RECORDS SUPPLIED: Begin

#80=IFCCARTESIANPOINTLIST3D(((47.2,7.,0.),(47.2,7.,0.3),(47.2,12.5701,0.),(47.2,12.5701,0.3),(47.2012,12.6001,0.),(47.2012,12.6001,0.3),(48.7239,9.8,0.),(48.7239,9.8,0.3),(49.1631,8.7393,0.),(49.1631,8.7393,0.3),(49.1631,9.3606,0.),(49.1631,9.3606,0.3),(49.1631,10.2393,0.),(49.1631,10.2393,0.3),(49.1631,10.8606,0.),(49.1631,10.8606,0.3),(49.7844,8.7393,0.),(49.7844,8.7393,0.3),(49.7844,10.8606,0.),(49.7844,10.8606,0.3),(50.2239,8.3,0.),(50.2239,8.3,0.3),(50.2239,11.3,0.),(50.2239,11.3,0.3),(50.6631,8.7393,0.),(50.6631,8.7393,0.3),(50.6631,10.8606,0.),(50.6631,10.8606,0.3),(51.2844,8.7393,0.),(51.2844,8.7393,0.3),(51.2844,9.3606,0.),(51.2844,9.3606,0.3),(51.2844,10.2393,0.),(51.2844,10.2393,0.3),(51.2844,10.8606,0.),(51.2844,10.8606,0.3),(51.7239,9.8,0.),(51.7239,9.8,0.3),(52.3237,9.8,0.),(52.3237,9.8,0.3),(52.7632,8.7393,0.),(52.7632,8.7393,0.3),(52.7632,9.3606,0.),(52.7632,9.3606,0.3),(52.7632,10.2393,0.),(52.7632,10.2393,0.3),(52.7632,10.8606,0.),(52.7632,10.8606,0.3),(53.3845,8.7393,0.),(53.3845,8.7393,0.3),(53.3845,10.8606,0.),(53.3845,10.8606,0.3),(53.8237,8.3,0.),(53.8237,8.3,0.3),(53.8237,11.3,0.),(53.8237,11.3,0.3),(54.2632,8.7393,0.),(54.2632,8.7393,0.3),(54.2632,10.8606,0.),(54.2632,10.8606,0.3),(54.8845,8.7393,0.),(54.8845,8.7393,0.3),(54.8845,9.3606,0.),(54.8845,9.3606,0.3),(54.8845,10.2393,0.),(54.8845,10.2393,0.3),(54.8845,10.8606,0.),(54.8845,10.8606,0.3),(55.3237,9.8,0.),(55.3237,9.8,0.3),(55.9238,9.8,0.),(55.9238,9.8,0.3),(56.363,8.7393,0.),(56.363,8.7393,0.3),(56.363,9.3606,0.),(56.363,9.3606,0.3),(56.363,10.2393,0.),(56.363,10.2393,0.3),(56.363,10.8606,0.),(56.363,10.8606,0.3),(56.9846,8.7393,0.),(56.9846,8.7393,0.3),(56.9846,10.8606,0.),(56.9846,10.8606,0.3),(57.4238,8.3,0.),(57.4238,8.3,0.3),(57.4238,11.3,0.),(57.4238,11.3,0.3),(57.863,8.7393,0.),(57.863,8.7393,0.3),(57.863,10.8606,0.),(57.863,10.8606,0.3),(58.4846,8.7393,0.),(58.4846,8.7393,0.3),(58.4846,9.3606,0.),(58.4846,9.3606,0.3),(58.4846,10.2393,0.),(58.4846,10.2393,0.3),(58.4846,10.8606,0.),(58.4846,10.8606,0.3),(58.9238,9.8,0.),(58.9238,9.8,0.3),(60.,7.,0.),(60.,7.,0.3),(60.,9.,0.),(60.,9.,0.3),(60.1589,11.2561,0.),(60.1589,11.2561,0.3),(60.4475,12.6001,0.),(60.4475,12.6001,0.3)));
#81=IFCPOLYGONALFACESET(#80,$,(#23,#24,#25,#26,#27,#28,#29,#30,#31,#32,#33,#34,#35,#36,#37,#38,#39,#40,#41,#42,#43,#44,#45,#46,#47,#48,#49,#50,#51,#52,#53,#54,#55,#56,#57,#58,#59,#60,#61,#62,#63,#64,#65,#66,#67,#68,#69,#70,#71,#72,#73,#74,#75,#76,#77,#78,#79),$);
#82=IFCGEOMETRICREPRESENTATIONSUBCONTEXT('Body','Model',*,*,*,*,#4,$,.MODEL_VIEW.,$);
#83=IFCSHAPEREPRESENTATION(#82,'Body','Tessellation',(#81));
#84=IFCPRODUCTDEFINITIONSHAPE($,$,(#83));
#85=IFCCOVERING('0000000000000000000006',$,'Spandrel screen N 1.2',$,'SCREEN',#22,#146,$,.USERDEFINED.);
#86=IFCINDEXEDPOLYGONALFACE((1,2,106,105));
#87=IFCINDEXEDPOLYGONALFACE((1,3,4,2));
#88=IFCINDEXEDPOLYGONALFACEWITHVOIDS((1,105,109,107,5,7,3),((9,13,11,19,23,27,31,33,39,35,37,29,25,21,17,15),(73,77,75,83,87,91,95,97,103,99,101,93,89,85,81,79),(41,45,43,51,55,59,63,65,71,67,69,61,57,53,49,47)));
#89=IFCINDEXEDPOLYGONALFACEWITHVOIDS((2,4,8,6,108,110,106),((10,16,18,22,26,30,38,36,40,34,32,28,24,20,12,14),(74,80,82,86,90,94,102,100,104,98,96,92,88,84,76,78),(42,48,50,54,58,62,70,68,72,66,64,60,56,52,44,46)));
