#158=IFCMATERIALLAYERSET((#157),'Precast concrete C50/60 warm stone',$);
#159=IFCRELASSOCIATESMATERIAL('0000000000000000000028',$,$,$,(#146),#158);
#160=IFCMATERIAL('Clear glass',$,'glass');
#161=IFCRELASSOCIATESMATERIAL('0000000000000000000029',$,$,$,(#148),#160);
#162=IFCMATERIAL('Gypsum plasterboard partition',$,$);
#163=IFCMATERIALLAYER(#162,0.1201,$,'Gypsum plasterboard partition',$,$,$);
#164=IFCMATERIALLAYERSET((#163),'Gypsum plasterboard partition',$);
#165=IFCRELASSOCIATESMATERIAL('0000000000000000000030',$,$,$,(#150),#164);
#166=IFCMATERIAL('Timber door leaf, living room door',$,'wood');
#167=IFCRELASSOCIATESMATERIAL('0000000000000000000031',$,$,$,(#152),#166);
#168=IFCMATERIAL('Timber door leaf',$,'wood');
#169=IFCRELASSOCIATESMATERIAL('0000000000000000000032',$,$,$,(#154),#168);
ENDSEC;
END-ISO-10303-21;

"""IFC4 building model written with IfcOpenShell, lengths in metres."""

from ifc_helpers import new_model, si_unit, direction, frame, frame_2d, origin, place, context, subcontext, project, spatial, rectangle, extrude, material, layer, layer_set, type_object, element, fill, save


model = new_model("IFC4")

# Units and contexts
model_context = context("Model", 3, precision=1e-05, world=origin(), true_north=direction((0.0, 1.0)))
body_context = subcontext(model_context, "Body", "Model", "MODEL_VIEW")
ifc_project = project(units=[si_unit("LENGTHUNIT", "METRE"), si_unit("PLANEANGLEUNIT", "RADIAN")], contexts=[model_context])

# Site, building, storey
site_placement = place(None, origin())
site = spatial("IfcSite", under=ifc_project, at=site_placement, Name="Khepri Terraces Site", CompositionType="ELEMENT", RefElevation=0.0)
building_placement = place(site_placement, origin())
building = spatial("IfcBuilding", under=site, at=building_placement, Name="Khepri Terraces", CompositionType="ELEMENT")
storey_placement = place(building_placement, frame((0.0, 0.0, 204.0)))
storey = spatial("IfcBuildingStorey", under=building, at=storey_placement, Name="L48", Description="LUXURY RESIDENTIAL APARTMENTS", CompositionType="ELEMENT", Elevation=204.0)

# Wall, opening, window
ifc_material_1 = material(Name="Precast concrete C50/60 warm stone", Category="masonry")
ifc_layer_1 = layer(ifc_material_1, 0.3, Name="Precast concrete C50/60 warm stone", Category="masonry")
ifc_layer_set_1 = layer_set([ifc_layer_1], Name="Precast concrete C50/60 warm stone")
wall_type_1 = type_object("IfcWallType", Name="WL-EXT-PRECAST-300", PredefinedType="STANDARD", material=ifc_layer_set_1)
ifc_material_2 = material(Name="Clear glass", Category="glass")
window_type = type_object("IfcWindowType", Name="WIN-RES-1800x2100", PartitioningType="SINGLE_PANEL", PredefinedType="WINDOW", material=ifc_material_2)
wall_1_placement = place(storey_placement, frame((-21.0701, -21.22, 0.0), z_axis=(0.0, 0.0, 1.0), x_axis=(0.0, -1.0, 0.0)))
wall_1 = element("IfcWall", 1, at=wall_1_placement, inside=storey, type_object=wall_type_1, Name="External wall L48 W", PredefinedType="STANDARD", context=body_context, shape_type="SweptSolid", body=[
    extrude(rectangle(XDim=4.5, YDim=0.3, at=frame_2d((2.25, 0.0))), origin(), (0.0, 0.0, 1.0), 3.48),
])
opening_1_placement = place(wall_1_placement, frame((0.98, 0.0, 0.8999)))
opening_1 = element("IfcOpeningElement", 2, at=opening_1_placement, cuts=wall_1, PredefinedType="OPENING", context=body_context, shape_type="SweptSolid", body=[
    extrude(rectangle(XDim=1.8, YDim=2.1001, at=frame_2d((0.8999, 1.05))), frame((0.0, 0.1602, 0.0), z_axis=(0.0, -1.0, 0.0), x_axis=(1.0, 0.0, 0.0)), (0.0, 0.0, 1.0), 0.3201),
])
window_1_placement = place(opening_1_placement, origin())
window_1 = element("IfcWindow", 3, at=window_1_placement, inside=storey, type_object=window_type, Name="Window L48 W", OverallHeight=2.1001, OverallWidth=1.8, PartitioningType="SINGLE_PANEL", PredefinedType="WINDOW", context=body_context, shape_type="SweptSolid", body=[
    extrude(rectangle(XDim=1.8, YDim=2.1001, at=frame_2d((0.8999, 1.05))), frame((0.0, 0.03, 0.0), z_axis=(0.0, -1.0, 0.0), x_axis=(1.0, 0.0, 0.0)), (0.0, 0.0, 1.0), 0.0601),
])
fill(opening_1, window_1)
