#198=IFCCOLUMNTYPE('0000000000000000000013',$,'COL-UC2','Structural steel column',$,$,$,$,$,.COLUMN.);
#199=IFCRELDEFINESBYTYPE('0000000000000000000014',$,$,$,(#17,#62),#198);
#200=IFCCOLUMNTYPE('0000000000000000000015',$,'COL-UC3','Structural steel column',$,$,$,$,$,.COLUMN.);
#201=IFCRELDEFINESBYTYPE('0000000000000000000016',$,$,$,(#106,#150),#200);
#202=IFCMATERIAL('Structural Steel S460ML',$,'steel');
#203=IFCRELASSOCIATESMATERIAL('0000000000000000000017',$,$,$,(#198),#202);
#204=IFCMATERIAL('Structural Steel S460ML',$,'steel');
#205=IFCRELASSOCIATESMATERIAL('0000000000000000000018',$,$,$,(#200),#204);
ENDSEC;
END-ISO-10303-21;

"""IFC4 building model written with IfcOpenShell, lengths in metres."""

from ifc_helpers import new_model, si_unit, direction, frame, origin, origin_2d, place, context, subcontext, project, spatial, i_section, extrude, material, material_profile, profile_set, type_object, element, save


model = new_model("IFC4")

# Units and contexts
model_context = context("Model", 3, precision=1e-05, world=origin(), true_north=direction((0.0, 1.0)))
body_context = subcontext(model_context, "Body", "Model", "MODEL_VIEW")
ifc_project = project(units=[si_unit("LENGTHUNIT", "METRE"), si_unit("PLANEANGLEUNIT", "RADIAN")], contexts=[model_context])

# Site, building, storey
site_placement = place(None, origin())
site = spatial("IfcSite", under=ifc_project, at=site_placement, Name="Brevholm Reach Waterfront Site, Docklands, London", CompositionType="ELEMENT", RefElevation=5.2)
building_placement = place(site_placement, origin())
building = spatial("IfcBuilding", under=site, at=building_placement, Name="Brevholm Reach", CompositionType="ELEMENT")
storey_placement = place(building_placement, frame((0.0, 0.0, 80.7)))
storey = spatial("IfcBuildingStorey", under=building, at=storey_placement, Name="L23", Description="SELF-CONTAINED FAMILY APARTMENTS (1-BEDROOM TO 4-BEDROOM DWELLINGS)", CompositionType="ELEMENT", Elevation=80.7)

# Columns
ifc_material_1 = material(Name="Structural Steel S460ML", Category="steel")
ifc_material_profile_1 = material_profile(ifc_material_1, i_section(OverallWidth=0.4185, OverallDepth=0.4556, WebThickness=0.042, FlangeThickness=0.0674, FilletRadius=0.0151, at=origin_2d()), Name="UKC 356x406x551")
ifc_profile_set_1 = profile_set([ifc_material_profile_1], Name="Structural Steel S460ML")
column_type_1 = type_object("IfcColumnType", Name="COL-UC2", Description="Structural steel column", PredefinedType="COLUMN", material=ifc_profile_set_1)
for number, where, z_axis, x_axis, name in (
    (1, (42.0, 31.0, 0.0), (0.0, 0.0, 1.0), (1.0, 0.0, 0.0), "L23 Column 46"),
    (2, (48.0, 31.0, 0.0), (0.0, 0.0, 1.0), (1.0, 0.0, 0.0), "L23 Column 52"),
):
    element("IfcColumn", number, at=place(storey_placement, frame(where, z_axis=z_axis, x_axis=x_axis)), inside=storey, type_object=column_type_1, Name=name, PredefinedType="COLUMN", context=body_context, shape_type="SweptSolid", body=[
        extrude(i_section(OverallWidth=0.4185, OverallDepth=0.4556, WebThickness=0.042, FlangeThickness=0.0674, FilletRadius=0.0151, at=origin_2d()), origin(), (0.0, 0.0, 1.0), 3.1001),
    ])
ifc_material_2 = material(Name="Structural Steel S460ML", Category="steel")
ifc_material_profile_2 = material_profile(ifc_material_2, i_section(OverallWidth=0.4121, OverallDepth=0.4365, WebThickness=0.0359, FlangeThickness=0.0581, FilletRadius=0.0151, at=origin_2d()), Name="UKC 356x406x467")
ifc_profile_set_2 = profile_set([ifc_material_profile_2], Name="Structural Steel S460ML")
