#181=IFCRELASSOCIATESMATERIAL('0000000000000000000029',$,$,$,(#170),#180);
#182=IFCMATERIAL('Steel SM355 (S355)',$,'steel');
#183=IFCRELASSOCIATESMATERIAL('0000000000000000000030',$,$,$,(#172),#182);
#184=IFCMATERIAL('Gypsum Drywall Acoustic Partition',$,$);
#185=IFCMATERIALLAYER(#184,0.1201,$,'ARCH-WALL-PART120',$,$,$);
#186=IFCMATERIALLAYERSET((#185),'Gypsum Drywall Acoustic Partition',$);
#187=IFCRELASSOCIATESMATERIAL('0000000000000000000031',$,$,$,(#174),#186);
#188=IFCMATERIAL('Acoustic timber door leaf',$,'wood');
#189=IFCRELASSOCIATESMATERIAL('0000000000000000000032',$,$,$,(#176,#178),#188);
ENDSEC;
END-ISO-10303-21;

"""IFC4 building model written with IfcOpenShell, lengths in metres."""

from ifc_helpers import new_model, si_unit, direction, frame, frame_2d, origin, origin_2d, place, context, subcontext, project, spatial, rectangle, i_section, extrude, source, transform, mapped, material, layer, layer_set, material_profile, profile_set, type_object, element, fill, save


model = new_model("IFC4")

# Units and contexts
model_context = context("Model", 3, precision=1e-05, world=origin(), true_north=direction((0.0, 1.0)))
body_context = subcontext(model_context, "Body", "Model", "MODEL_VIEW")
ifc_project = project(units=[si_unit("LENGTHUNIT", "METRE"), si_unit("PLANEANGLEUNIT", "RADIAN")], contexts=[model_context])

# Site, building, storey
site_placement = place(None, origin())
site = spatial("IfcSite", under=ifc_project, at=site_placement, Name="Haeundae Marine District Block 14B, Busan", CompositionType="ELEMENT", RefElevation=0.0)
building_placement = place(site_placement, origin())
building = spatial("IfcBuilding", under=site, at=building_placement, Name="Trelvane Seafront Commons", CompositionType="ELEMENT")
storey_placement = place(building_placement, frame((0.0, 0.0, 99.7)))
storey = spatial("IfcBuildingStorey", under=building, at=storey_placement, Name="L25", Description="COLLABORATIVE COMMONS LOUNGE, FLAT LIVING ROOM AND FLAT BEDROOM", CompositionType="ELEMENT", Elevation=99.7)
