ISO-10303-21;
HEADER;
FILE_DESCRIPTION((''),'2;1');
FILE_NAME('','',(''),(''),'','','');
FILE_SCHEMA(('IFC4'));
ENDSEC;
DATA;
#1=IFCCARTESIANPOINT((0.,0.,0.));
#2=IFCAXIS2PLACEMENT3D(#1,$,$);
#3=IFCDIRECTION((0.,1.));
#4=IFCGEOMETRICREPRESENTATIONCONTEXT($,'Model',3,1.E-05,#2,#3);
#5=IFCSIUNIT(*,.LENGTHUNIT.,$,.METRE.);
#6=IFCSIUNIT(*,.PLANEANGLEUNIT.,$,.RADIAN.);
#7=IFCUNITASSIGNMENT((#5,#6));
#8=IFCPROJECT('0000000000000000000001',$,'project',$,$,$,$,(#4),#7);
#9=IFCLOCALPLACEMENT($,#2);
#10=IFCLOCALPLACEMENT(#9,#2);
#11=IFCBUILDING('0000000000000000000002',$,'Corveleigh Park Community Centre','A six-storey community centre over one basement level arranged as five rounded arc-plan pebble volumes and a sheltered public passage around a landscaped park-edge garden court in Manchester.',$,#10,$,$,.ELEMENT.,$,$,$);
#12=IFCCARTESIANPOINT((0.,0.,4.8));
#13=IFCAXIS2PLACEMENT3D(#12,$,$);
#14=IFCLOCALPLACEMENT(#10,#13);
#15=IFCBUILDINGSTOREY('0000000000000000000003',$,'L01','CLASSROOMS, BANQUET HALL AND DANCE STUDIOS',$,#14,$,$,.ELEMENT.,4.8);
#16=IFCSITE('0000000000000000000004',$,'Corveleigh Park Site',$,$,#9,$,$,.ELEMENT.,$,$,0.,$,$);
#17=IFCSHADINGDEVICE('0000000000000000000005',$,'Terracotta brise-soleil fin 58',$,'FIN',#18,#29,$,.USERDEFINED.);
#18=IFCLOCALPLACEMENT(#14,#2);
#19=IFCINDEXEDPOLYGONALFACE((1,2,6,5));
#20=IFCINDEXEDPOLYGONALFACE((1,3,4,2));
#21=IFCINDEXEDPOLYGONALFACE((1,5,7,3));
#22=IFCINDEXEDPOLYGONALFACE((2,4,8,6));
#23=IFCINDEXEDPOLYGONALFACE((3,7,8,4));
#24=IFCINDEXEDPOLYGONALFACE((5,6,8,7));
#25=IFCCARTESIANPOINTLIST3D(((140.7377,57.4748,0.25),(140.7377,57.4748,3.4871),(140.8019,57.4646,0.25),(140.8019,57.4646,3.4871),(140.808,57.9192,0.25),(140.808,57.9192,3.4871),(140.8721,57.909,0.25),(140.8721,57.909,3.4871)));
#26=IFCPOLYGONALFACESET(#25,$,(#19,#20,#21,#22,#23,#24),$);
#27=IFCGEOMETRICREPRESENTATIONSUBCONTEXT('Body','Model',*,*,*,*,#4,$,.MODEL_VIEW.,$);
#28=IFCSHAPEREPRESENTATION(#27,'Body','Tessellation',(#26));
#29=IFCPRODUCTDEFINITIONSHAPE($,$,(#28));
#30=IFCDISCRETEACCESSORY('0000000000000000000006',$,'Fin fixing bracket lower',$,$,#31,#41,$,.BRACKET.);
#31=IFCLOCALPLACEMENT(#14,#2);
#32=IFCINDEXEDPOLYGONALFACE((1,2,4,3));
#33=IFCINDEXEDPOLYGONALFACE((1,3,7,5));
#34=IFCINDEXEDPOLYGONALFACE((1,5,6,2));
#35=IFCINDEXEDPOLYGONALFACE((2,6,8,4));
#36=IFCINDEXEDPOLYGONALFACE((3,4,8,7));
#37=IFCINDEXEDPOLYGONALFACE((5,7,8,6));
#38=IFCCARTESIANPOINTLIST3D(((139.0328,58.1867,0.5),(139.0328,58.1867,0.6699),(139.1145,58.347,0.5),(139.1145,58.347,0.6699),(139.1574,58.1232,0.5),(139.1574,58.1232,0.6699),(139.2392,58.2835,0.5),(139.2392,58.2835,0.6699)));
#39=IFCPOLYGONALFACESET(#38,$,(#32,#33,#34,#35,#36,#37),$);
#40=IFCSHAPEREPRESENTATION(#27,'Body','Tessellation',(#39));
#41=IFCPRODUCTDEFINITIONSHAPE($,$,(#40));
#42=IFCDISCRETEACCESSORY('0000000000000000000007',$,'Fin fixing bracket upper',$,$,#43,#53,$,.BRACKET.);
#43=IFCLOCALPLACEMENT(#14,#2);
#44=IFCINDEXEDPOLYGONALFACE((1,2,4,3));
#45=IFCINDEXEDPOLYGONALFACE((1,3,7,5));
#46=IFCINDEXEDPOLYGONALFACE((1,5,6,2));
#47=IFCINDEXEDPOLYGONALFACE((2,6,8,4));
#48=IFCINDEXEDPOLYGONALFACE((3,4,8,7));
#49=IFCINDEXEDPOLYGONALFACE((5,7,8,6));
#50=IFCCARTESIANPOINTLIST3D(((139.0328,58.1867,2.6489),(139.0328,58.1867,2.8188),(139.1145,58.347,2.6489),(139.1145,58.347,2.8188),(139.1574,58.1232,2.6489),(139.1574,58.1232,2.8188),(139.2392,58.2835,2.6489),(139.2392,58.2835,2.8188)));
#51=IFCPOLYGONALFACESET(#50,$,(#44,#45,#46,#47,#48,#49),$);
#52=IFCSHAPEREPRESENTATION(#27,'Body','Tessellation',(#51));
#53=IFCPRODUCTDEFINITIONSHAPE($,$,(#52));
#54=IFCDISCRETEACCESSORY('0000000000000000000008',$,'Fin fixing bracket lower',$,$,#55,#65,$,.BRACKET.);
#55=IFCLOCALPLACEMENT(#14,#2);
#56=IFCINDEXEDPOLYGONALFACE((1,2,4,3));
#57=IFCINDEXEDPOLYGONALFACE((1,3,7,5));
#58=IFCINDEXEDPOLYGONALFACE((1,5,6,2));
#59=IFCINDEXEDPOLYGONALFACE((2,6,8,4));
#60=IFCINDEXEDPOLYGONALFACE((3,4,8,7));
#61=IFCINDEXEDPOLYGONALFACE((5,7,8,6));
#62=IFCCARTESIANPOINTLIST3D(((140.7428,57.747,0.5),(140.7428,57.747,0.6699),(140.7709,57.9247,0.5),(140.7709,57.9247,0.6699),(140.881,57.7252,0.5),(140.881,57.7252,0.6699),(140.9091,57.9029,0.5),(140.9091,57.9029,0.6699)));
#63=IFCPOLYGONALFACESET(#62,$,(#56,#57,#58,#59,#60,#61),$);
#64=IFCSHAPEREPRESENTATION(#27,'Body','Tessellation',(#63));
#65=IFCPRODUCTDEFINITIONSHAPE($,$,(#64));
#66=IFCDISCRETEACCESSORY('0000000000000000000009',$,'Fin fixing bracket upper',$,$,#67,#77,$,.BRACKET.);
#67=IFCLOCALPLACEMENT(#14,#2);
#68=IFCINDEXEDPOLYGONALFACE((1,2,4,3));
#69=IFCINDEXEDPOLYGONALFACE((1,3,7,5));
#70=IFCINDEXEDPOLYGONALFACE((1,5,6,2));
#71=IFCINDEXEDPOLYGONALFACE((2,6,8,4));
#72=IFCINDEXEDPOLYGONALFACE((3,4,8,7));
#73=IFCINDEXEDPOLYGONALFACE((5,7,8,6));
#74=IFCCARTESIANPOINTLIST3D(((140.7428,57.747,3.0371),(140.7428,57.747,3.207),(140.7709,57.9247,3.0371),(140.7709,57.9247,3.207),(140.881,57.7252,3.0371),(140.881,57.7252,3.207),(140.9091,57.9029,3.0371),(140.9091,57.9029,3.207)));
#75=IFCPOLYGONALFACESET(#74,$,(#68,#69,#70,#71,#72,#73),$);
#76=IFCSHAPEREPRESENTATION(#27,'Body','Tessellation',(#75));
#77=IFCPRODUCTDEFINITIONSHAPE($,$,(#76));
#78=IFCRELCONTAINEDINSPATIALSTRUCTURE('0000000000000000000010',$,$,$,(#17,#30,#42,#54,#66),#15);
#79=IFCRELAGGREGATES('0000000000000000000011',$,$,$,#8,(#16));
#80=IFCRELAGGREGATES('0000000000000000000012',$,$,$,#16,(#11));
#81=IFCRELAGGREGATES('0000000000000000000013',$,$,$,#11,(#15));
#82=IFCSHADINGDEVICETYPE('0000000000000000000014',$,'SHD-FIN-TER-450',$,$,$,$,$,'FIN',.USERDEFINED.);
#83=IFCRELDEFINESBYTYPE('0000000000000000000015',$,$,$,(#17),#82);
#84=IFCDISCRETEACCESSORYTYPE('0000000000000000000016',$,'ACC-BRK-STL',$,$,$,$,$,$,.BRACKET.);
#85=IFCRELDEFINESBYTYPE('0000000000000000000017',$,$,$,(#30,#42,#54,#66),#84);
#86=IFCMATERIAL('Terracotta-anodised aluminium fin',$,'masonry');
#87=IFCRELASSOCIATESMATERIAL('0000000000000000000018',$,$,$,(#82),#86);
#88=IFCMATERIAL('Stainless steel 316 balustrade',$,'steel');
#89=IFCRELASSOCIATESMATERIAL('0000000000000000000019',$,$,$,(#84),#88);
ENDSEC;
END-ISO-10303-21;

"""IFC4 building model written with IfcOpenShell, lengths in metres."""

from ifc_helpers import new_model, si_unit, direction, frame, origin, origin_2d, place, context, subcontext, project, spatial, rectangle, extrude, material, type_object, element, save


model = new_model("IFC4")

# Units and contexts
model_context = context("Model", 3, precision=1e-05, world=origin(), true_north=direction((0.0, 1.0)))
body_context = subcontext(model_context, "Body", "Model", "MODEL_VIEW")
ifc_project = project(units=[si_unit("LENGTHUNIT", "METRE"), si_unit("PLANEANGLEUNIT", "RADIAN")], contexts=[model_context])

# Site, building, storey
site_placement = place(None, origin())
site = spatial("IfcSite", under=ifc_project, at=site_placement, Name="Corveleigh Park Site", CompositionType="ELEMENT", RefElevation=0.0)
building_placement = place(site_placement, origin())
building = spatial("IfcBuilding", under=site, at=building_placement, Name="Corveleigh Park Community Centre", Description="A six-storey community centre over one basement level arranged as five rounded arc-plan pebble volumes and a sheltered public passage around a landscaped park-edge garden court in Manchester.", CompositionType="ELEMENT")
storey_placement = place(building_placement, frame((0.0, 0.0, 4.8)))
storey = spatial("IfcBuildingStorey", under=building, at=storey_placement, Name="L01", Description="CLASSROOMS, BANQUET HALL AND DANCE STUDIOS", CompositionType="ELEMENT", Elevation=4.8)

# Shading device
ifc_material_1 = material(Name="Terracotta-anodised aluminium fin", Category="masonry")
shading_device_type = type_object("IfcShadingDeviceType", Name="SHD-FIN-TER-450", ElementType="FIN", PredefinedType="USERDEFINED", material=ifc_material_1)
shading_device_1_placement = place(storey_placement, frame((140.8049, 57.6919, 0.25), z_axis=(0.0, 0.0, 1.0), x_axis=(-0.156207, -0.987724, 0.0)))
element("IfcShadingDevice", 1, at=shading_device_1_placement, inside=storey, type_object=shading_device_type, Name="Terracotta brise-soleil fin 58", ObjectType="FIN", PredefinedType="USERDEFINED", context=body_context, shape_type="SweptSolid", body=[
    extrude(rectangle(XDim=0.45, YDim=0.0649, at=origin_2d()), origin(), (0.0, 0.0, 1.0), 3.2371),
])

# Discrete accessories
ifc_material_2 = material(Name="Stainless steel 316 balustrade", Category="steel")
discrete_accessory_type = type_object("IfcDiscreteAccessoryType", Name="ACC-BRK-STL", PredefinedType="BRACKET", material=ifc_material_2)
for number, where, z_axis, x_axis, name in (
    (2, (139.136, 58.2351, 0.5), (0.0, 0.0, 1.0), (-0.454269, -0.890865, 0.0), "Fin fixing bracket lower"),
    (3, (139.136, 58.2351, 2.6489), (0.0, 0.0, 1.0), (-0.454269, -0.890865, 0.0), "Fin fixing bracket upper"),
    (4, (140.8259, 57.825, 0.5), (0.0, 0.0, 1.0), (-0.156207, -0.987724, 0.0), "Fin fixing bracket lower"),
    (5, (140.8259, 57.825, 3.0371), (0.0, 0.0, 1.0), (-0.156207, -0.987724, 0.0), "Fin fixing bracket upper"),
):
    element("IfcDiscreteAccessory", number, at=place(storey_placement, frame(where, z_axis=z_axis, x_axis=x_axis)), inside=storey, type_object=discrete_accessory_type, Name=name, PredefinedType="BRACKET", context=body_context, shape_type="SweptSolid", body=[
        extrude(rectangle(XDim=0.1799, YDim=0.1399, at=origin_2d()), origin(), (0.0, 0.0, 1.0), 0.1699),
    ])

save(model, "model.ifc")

RECORDS SUPPLIED: End

### EXERCISE INSTRUCTIONS
Select the lines in this material that hold the word "IFCPRODUCTDEFINITIONSHAPE", leaving none out.

### SOLUTION TO THE EXERCISE
#84=IFCPRODUCTDEFINITIONSHAPE($,$,(#83));
#29=IFCPRODUCTDEFINITIONSHAPE($,$,(#28));
#41=IFCPRODUCTDEFINITIONSHAPE($,$,(#40));
#53=IFCPRODUCTDEFINITIONSHAPE($,$,(#52));
#65=IFCPRODUCTDEFINITIONSHAPE($,$,(#64));
#77=IFCPRODUCTDEFINITIONSHAPE($,$,(#76));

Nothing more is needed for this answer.